### What the exercise asks:
Look over the lines below. Report each one that includes the string "IFCRELDEFINESBYTYPE".

### Source information:
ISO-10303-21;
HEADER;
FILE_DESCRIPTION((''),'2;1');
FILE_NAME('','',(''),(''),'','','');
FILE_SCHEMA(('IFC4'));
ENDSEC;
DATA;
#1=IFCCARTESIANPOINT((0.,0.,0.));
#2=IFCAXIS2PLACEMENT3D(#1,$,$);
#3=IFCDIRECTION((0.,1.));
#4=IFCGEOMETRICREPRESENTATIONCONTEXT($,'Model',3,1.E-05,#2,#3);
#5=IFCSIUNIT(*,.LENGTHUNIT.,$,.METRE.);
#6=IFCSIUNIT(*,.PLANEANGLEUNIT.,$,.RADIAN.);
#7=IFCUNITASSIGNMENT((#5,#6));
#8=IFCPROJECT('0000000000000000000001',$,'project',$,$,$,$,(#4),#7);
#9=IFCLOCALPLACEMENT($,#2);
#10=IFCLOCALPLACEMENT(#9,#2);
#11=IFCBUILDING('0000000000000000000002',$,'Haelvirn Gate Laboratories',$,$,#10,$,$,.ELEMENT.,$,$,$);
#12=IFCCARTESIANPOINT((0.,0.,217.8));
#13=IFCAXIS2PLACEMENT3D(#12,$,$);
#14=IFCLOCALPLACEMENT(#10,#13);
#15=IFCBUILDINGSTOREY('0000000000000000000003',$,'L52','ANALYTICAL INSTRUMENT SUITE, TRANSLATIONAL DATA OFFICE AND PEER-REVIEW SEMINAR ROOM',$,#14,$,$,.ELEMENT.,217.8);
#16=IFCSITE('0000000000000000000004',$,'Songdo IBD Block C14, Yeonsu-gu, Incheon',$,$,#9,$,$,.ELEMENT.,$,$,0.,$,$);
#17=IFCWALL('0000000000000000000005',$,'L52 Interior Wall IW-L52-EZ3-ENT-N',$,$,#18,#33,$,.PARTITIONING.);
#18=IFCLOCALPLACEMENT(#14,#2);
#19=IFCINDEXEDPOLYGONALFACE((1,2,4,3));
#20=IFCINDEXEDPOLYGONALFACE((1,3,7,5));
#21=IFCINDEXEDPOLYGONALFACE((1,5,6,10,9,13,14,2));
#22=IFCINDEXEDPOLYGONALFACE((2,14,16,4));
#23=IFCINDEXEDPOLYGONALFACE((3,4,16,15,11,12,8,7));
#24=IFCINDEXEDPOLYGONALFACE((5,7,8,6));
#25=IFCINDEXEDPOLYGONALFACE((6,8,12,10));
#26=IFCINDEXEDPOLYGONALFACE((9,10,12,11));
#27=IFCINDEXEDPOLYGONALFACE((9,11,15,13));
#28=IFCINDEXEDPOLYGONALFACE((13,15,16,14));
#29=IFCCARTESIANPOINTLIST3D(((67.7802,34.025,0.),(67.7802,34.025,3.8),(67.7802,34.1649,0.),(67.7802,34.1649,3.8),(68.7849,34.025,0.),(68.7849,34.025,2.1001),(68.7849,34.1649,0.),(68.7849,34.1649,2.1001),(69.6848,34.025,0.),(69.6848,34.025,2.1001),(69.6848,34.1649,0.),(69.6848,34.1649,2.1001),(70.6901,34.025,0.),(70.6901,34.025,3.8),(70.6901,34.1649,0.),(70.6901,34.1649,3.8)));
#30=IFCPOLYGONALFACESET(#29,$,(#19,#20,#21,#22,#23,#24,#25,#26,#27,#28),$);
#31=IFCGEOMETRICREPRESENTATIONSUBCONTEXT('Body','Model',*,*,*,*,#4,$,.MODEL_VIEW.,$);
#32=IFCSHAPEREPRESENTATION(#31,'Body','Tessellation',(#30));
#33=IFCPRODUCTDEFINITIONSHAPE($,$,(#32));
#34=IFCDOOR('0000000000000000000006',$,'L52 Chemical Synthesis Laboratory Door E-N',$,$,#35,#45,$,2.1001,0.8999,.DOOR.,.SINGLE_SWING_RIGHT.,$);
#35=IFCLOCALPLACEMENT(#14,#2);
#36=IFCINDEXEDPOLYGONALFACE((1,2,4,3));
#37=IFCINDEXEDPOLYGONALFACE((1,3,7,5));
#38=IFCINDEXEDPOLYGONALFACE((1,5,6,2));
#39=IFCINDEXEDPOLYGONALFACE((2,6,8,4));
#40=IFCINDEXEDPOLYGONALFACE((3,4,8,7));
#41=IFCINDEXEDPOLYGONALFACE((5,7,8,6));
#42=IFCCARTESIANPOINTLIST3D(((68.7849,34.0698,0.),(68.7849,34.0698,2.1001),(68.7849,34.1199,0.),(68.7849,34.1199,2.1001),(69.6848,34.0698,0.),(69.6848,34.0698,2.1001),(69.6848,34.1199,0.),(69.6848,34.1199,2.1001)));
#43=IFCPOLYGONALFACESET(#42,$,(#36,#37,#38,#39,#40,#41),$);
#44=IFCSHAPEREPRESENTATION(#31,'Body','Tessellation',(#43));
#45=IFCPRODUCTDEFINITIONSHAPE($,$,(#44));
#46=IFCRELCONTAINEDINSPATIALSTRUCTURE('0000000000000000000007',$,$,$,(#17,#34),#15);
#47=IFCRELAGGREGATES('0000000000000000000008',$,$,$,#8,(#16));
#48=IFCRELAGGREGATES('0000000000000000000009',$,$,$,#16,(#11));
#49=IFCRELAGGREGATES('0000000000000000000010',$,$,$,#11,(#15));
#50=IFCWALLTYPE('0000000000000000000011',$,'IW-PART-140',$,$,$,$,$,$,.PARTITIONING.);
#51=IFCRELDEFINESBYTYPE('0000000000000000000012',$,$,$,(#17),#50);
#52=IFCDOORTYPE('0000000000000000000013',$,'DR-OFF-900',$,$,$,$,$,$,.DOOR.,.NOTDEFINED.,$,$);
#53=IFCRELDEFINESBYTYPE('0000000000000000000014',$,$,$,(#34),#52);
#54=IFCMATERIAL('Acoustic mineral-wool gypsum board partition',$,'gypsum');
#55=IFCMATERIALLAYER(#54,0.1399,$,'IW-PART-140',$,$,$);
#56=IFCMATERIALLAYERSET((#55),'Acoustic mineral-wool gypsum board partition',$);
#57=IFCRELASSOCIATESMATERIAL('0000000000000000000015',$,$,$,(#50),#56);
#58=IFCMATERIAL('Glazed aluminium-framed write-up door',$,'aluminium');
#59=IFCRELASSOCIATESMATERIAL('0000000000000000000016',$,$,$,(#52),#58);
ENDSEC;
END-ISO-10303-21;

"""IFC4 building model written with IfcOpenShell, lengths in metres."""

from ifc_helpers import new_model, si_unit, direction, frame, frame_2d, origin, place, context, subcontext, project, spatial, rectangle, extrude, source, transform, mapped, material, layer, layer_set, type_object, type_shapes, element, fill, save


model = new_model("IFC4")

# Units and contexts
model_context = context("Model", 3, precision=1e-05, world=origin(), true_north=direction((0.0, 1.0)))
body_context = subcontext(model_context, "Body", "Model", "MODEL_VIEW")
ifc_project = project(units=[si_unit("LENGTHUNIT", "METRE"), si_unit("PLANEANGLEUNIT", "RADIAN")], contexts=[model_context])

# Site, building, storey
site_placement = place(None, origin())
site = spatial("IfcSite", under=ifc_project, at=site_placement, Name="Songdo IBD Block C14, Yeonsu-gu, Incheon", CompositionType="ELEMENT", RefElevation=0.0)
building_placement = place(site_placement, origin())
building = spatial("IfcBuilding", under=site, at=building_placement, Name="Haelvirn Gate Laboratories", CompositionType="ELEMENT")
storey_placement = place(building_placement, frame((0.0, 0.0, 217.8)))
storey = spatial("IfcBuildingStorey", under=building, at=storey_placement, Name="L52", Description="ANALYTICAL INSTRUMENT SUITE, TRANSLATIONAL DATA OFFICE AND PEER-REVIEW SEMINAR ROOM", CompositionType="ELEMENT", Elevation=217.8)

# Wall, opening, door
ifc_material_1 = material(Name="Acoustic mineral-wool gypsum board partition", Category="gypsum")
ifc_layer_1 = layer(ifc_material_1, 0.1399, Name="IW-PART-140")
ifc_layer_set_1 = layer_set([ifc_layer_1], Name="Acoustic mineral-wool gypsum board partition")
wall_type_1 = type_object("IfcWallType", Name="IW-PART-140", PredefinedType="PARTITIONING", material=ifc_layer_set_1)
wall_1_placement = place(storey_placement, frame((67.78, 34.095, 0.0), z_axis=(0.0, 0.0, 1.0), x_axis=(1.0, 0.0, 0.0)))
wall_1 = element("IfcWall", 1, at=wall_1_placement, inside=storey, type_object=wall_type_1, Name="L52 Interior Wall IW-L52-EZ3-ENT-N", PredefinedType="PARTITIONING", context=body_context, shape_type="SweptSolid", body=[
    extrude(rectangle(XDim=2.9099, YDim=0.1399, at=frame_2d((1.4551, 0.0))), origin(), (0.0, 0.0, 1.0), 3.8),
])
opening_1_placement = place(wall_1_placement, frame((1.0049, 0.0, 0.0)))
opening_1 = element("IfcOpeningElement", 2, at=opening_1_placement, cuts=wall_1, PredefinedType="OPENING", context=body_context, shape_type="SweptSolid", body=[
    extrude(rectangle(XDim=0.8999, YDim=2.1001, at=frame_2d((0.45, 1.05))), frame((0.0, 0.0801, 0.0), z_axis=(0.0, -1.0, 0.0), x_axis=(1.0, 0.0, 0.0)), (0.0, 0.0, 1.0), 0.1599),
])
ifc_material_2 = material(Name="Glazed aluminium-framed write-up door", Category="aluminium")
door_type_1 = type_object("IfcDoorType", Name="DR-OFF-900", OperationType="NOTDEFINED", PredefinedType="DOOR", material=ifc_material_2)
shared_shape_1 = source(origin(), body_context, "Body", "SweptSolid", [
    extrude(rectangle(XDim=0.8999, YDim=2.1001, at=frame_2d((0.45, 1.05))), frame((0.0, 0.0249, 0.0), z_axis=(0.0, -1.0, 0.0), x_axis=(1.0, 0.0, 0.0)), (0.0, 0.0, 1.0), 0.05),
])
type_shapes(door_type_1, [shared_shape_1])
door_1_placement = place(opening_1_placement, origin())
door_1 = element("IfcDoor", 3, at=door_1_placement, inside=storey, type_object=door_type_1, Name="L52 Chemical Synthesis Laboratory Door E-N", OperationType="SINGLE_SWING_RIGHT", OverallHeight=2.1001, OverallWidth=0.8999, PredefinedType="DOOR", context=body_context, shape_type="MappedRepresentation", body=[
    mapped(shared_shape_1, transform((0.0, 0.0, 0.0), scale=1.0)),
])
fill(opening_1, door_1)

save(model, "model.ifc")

--

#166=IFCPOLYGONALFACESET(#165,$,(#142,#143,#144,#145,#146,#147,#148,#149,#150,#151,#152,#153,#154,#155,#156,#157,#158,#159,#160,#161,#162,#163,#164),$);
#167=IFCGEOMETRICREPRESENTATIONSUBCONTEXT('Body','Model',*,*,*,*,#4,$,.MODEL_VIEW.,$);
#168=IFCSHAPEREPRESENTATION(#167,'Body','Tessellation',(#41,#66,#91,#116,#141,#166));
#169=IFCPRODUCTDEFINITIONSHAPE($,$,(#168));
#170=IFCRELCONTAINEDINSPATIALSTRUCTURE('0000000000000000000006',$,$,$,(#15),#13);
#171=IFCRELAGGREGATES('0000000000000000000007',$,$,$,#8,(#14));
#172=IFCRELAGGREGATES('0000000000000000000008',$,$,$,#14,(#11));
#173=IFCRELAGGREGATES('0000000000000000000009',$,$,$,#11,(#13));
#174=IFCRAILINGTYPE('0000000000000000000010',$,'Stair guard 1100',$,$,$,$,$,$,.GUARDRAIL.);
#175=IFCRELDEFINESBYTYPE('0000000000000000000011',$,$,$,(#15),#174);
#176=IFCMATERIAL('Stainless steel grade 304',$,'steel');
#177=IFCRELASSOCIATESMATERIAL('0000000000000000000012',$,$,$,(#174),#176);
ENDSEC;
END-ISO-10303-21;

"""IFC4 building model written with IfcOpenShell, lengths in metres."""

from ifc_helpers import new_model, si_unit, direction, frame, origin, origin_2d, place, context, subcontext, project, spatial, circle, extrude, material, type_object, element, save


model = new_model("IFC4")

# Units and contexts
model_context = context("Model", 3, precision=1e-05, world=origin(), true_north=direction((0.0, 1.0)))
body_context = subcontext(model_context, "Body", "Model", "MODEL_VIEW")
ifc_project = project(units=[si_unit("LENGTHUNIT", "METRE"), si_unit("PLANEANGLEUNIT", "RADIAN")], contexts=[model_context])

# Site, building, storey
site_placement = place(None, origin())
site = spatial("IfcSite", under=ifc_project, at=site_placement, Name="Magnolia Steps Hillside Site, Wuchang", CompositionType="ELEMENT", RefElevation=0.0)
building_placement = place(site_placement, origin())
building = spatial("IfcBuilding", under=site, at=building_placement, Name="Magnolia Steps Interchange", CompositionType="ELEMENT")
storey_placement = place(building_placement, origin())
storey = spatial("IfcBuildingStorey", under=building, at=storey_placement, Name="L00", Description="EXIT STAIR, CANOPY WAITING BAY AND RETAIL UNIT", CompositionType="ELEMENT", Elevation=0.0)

--

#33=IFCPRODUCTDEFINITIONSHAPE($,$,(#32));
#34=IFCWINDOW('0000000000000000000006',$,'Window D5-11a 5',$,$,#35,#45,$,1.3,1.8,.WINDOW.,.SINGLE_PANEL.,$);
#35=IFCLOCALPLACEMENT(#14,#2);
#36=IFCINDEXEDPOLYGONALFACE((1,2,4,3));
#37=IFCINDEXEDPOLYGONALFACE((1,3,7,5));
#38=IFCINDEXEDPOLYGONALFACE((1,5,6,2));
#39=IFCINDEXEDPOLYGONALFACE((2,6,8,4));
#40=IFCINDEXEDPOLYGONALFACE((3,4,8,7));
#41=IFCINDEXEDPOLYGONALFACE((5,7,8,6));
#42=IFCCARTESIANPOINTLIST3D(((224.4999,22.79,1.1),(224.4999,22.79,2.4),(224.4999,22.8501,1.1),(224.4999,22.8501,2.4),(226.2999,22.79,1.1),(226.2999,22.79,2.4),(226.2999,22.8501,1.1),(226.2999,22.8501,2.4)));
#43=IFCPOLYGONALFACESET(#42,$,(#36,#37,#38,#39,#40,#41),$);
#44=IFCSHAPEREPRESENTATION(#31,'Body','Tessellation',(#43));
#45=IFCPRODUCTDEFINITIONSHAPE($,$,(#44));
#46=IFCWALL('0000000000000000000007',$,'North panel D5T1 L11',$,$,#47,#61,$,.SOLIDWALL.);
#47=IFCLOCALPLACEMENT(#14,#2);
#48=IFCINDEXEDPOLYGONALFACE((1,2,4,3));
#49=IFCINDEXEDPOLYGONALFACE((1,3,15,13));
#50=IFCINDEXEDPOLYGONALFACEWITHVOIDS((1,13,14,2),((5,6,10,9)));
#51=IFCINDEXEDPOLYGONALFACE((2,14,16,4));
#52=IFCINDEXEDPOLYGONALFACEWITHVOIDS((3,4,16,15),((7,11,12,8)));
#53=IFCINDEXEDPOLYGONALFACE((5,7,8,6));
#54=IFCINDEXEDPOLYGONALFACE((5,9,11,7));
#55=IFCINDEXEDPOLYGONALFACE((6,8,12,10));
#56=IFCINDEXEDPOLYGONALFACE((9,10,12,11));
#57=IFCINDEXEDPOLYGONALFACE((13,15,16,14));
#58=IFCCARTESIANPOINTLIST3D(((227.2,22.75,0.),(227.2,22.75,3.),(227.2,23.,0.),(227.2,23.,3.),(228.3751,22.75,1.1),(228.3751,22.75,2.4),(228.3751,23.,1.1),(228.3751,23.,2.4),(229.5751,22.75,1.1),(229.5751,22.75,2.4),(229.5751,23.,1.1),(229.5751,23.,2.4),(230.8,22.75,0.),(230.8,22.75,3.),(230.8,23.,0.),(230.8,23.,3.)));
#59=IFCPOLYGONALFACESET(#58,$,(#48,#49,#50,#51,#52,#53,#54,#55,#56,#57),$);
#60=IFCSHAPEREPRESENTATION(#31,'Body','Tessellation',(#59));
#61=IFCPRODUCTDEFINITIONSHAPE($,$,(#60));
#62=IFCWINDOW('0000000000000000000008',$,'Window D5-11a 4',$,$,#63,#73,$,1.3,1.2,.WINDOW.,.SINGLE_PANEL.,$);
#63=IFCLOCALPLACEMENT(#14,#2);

### Response below:
#51=IFCRELDEFINESBYTYPE('0000000000000000000012',$,$,$,(#17),#50);
#53=IFCRELDEFINESBYTYPE('0000000000000000000014',$,$,$,(#34),#52);
#175=IFCRELDEFINESBYTYPE('0000000000000000000011',$,$,$,(#15),#174);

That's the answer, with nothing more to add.